== What to work on ==
Copy every line in the listing that contains "Tessellation".

== Working data ==
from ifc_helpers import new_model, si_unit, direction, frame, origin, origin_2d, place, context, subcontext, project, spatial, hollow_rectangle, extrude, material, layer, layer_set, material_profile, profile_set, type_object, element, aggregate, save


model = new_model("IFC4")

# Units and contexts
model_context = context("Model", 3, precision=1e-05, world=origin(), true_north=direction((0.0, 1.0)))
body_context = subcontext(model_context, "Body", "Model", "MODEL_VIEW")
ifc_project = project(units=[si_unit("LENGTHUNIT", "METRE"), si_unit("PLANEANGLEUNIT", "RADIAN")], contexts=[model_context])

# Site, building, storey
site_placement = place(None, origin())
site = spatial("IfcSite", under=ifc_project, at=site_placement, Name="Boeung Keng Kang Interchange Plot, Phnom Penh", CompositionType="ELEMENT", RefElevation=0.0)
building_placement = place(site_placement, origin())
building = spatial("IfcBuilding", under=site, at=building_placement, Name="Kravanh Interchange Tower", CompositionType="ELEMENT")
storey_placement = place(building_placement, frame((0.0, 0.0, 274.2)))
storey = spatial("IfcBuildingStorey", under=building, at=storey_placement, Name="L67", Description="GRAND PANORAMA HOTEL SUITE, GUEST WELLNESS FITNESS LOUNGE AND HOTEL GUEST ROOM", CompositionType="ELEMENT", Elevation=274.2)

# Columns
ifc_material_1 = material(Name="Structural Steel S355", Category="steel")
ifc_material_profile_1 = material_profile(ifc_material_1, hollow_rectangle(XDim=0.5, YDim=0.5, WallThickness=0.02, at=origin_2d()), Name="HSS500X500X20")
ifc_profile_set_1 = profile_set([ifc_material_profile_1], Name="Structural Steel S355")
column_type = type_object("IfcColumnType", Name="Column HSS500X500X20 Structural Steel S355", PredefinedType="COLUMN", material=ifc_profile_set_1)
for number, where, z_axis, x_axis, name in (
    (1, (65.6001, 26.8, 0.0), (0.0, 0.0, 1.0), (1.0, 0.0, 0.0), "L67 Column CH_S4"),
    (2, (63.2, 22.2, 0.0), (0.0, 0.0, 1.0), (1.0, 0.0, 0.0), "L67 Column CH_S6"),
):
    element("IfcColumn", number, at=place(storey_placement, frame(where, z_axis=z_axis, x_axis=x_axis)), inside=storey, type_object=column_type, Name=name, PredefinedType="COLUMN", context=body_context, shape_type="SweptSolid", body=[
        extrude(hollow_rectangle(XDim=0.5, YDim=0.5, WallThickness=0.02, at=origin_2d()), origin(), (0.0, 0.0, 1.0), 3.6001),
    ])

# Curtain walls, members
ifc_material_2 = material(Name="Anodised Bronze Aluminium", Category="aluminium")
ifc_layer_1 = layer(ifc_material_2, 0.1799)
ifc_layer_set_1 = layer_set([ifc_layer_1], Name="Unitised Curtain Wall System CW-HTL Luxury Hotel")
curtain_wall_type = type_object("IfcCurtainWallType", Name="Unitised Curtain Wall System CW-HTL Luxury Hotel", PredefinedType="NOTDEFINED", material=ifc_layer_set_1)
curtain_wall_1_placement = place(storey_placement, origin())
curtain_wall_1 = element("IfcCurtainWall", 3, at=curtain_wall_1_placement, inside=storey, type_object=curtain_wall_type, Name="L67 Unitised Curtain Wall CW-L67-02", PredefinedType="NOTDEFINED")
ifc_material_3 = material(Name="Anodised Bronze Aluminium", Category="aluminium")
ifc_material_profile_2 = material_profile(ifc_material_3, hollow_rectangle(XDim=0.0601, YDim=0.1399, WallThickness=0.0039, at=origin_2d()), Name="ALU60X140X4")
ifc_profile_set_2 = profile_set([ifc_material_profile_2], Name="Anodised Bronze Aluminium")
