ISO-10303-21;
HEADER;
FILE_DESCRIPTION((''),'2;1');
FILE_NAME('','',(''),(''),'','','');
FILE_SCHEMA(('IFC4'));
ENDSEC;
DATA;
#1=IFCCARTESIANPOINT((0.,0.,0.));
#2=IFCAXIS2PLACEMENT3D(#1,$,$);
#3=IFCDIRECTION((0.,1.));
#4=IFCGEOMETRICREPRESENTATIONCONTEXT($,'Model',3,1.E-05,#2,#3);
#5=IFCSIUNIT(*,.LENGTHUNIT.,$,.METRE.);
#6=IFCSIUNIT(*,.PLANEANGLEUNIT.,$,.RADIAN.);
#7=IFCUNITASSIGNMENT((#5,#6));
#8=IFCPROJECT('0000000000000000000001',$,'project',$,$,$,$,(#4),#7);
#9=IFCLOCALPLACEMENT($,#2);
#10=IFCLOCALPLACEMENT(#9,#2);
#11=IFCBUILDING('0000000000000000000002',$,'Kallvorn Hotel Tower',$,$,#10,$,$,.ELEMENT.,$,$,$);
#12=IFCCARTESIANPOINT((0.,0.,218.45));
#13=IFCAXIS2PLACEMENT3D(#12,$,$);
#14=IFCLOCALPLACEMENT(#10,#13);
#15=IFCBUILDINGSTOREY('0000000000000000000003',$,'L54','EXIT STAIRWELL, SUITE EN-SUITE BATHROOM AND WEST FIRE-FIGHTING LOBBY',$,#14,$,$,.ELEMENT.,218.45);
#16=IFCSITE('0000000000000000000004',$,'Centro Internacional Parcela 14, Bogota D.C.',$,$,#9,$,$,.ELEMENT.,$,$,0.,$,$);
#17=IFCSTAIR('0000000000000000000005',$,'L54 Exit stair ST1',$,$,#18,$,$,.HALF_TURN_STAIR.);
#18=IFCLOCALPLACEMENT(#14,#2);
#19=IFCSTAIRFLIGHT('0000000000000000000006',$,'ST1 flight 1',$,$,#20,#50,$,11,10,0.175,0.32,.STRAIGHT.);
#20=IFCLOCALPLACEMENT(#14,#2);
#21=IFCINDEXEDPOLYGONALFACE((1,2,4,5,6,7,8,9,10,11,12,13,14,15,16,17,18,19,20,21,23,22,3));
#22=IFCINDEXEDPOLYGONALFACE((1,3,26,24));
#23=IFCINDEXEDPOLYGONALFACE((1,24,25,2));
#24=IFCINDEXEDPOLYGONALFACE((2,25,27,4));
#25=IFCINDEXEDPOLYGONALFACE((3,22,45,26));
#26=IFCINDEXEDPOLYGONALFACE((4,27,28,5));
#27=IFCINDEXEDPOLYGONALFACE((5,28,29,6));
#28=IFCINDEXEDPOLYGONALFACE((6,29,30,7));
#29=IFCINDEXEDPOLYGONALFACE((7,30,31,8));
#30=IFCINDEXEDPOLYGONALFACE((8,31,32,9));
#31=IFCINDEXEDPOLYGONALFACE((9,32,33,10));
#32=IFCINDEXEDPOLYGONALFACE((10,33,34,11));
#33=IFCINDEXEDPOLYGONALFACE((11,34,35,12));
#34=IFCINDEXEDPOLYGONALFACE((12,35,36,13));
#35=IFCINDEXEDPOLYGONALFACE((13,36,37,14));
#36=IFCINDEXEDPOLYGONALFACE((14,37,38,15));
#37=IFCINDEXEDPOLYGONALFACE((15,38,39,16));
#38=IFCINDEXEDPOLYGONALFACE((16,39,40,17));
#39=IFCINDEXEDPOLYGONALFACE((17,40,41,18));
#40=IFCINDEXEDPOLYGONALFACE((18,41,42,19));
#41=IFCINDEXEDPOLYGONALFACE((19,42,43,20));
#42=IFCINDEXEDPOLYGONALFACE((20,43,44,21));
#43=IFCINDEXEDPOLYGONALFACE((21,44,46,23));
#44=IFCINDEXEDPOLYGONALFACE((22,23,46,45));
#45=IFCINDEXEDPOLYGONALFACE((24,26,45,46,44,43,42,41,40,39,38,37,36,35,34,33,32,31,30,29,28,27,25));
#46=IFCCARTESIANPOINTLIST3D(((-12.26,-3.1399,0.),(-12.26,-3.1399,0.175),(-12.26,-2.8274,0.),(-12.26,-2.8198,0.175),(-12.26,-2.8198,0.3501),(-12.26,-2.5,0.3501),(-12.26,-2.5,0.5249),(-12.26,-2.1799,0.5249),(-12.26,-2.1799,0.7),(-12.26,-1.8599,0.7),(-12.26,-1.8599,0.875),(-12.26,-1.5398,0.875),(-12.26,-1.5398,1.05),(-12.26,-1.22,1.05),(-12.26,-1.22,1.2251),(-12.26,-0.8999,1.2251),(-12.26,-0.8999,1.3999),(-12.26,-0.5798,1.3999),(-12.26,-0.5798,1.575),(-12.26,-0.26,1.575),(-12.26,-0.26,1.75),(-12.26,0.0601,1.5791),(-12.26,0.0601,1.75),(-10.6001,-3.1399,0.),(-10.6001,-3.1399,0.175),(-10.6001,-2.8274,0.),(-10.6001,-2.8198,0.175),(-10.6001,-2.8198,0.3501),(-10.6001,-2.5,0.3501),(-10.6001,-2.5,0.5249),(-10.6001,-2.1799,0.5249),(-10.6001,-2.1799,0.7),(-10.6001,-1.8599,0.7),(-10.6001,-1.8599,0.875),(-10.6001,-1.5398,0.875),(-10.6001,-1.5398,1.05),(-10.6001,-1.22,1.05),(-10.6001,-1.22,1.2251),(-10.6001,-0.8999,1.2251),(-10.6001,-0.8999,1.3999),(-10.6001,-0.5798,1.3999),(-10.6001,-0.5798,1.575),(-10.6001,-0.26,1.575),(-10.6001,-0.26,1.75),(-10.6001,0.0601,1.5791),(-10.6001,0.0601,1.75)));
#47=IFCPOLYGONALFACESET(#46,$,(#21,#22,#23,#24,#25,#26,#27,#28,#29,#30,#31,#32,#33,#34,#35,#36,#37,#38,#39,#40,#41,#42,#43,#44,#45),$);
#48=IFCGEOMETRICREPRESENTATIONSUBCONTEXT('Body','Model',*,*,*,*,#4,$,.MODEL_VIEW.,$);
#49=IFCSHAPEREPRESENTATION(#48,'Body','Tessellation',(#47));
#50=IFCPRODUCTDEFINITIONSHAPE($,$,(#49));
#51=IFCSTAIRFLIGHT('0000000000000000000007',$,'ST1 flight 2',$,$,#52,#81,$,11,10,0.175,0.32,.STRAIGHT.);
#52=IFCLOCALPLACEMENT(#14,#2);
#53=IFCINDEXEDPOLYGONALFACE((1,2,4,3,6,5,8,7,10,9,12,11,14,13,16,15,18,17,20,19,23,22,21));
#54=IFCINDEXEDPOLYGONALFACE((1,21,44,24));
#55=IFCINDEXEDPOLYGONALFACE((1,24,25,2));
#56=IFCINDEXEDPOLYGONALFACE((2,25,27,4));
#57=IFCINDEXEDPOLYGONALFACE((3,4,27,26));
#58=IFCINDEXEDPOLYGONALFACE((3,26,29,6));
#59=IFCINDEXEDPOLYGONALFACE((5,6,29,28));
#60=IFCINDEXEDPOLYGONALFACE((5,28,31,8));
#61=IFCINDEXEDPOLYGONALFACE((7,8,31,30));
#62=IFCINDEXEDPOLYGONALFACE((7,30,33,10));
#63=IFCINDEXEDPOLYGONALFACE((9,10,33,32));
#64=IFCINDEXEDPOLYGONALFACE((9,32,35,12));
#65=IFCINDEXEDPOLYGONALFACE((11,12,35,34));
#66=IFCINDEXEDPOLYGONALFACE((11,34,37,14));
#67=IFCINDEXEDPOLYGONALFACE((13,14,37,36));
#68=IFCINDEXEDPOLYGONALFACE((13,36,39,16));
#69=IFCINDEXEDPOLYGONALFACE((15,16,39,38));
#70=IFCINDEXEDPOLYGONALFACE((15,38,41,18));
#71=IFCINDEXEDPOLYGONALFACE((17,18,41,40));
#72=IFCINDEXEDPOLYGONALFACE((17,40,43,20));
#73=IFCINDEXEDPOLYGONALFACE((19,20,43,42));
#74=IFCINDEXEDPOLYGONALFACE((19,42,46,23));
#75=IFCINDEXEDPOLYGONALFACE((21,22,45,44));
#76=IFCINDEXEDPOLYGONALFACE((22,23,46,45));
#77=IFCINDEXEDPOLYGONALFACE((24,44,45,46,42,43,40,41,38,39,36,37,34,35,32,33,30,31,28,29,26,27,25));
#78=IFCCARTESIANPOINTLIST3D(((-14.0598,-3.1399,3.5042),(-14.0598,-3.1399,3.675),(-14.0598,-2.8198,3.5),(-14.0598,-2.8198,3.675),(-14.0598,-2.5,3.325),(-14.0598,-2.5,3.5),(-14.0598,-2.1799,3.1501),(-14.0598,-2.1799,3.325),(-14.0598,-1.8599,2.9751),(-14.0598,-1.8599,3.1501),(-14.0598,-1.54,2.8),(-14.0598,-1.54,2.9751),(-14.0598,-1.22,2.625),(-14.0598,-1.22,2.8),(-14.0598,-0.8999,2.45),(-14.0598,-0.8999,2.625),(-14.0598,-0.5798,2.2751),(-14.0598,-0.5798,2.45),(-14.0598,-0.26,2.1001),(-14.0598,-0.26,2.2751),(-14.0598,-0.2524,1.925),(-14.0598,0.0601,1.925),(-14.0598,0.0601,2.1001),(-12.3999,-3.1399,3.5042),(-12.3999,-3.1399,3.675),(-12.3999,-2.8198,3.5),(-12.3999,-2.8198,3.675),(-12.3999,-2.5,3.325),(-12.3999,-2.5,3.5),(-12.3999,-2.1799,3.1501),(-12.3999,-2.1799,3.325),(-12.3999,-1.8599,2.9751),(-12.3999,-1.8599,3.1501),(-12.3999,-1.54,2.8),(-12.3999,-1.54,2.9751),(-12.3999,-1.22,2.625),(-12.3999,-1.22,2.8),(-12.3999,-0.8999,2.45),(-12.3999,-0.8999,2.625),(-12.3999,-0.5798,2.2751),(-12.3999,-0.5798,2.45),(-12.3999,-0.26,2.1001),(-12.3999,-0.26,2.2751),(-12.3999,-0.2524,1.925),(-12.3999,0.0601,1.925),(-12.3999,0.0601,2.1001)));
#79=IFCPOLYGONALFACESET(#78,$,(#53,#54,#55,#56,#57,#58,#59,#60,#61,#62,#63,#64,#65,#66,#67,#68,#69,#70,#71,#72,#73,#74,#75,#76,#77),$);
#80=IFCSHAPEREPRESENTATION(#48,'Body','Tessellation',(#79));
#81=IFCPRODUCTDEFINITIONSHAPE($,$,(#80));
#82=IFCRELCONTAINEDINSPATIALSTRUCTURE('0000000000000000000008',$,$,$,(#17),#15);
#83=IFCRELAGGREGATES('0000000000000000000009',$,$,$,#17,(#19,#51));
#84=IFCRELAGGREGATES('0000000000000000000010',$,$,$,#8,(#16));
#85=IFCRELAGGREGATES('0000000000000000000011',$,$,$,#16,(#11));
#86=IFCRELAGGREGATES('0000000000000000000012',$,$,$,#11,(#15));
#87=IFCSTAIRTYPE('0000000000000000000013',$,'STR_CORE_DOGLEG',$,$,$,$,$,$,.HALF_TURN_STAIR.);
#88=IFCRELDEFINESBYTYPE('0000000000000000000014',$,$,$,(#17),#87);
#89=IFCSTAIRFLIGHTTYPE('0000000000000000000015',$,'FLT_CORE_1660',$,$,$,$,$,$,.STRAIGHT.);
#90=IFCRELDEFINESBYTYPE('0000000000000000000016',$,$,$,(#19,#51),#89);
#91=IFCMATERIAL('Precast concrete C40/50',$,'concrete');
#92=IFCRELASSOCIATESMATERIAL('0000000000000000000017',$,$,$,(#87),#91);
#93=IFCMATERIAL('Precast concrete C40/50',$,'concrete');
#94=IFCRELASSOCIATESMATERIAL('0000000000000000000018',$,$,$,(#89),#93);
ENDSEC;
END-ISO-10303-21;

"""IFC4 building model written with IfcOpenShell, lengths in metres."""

from ifc_helpers import new_model, si_unit, direction, frame, origin, place, context, subcontext, project, spatial, polyline, outline, extrude, material, type_object, element, aggregate, save


model = new_model("IFC4")

# Units and contexts
model_context = context("Model", 3, precision=1e-05, world=origin(), true_north=direction((0.0, 1.0)))
body_context = subcontext(model_context, "Body", "Model", "MODEL_VIEW")
ifc_project = project(units=[si_unit("LENGTHUNIT", "METRE"), si_unit("PLANEANGLEUNIT", "RADIAN")], contexts=[model_context])

# Site, building, storey
site_placement = place(None, origin())
site = spatial("IfcSite", under=ifc_project, at=site_placement, Name="Centro Internacional Parcela 14, Bogota D.C.", CompositionType="ELEMENT", RefElevation=0.0)
building_placement = place(site_placement, origin())
building = spatial("IfcBuilding", under=site, at=building_placement, Name="Kallvorn Hotel Tower", CompositionType="ELEMENT")
storey_placement = place(building_placement, frame((0.0, 0.0, 218.45)))
storey = spatial("IfcBuildingStorey", under=building, at=storey_placement, Name="L54", Description="EXIT STAIRWELL, SUITE EN-SUITE BATHROOM AND WEST FIRE-FIGHTING LOBBY", CompositionType="ELEMENT", Elevation=218.45)

# Stair, stair flights
ifc_material_1 = material(Name="Precast concrete C40/50", Category="concrete")
stair_type = type_object("IfcStairType", Name="STR_CORE_DOGLEG", PredefinedType="HALF_TURN_STAIR", material=ifc_material_1)
stair_placement = place(storey_placement, origin())
stair = element("IfcStair", 1, at=stair_placement, inside=storey, type_object=stair_type, Name="L54 Exit stair ST1", PredefinedType="HALF_TURN_STAIR")
ifc_material_2 = material(Name="Precast concrete C40/50", Category="concrete")
stair_flight_type = type_object("IfcStairFlightType", Name="FLT_CORE_1660", PredefinedType="STRAIGHT", material=ifc_material_2)
stair_flight_1_placement = place(storey_placement, frame((-11.4299, -3.1399, 0.0), z_axis=(0.0, 0.0, 1.0), x_axis=(0.0, 1.0, 0.0)))
stair_flight_1 = element("IfcStairFlight", 2, at=stair_flight_1_placement, type_object=stair_flight_type, Name="ST1 flight 1", NumberOfRisers=11, NumberOfTreads=10, PredefinedType="STRAIGHT", RiserHeight=0.175, TreadLength=0.32, context=body_context, shape_type="SweptSolid", body=[
    extrude(outline(polyline([(0.0, 0.0), (0.0, 0.175), (0.3201, 0.175), (0.3201, 0.3501), (0.6399, 0.3501), (0.6399, 0.5249), (0.96, 0.5249), (0.96, 0.7), (1.28, 0.7), (1.28, 0.875), (1.6001, 0.875), (1.6001, 1.05), (1.9199, 1.05), (1.9199, 1.2251), (2.24, 1.2251), (2.24, 1.3999), (2.5601, 1.3999), (2.5601, 1.575), (2.8799, 1.575), (2.8799, 1.75), (3.2, 1.75), (3.2, 1.925), (3.2, 1.5791), (0.3125, 0.0), (0.0, 0.0)])), frame((0.0, 0.8301, 0.0), z_axis=(0.0, -1.0, 0.0), x_axis=(1.0, 0.0, 0.0)), (0.0, 0.0, 1.0), 1.6599),
])
stair_flight_2_placement = place(storey_placement, frame((-13.23, 0.0601, 1.925), z_axis=(0.0, 0.0, 1.0), x_axis=(0.0, -1.0, 0.0)))
stair_flight_2 = element("IfcStairFlight", 3, at=stair_flight_2_placement, type_object=stair_flight_type, Name="ST1 flight 2", NumberOfRisers=11, NumberOfTreads=10, PredefinedType="STRAIGHT", RiserHeight=0.175, TreadLength=0.32, context=body_context, shape_type="SweptSolid", body=[
    extrude(outline(polyline([(0.0, 0.0), (0.0, 0.175), (0.3201, 0.175), (0.3201, 0.3501), (0.6399, 0.3501), (0.6399, 0.5249), (0.96, 0.5249), (0.96, 0.7), (1.28, 0.7), (1.28, 0.875), (1.6001, 0.875), (1.6001, 1.05), (1.9199, 1.05), (1.9199, 1.2251), (2.24, 1.2251), (2.24, 1.3999), (2.5601, 1.3999), (2.5601, 1.575), (2.8799, 1.575), (2.8799, 1.75), (3.2, 1.75), (3.2, 1.925), (3.2, 1.5791), (0.3125, 0.0), (0.0, 0.0)])), frame((0.0, 0.8301, 0.0), z_axis=(0.0, -1.0, 0.0), x_axis=(1.0, 0.0, 0.0)), (0.0, 0.0, 1.0), 1.6599),
])
aggregate(stair, [stair_flight_1, stair_flight_2])

save(model, "model.ifc")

== Finished exercise ==
#49=IFCSHAPEREPRESENTATION(#48,'Body','Tessellation',(#47));
#80=IFCSHAPEREPRESENTATION(#48,'Body','Tessellation',(#79));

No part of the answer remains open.